Problem: Please print the data that follows, keeping every line exact.

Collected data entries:
↓

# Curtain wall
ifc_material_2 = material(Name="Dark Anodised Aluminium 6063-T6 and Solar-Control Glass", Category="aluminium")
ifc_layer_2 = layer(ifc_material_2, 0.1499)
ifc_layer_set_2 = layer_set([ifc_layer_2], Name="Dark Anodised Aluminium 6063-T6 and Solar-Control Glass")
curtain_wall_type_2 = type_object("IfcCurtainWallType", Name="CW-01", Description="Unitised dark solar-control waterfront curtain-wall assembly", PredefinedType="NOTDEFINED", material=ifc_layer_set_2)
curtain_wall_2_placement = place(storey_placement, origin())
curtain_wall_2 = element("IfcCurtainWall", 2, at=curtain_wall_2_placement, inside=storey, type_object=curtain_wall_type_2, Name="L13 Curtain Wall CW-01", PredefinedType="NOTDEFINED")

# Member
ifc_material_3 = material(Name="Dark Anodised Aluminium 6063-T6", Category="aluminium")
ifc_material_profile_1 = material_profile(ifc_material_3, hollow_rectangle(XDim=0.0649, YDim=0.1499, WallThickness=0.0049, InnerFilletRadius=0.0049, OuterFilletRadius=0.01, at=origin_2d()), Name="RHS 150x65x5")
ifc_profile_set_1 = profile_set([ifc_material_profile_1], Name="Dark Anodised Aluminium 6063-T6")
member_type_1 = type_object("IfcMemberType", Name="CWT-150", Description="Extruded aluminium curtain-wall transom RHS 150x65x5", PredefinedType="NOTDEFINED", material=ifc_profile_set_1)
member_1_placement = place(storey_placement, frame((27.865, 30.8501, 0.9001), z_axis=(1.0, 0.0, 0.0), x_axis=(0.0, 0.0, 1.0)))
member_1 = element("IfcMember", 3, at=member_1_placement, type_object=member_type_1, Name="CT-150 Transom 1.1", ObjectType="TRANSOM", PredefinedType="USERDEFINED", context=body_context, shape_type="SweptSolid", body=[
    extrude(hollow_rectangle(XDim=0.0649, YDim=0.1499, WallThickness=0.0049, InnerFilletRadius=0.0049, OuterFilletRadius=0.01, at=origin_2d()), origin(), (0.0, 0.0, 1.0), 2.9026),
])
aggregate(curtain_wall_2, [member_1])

↑

Solution to this task:
# Curtain wall
ifc_material_2 = material(Name="Dark Anodised Aluminium 6063-T6 and Solar-Control Glass", Category="aluminium")
ifc_layer_2 = layer(ifc_material_2, 0.1499)
ifc_layer_set_2 = layer_set([ifc_layer_2], Name="Dark Anodised Aluminium 6063-T6 and Solar-Control Glass")
curtain_wall_type_2 = type_object("IfcCurtainWallType", Name="CW-01", Description="Unitised dark solar-control waterfront curtain-wall assembly", PredefinedType="NOTDEFINED", material=ifc_layer_set_2)
curtain_wall_2_placement = place(storey_placement, origin())
curtain_wall_2 = element("IfcCurtainWall", 2, at=curtain_wall_2_placement, inside=storey, type_object=curtain_wall_type_2, Name="L13 Curtain Wall CW-01", PredefinedType="NOTDEFINED")

# Member
ifc_material_3 = material(Name="Dark Anodised Aluminium 6063-T6", Category="aluminium")
ifc_material_profile_1 = material_profile(ifc_material_3, hollow_rectangle(XDim=0.0649, YDim=0.1499, WallThickness=0.0049, InnerFilletRadius=0.0049, OuterFilletRadius=0.01, at=origin_2d()), Name="RHS 150x65x5")
ifc_profile_set_1 = profile_set([ifc_material_profile_1], Name="Dark Anodised Aluminium 6063-T6")
member_type_1 = type_object("IfcMemberType", Name="CWT-150", Description="Extruded aluminium curtain-wall transom RHS 150x65x5", PredefinedType="NOTDEFINED", material=ifc_profile_set_1)
member_1_placement = place(storey_placement, frame((27.865, 30.8501, 0.9001), z_axis=(1.0, 0.0, 0.0), x_axis=(0.0, 0.0, 1.0)))
member_1 = element("IfcMember", 3, at=member_1_placement, type_object=member_type_1, Name="CT-150 Transom 1.1", ObjectType="TRANSOM", PredefinedType="USERDEFINED", context=body_context, shape_type="SweptSolid", body=[
    extrude(hollow_rectangle(XDim=0.0649, YDim=0.1499, WallThickness=0.0049, InnerFilletRadius=0.0049, OuterFilletRadius=0.01, at=origin_2d()), origin(), (0.0, 0.0, 1.0), 2.9026),
])
aggregate(curtain_wall_2, [member_1])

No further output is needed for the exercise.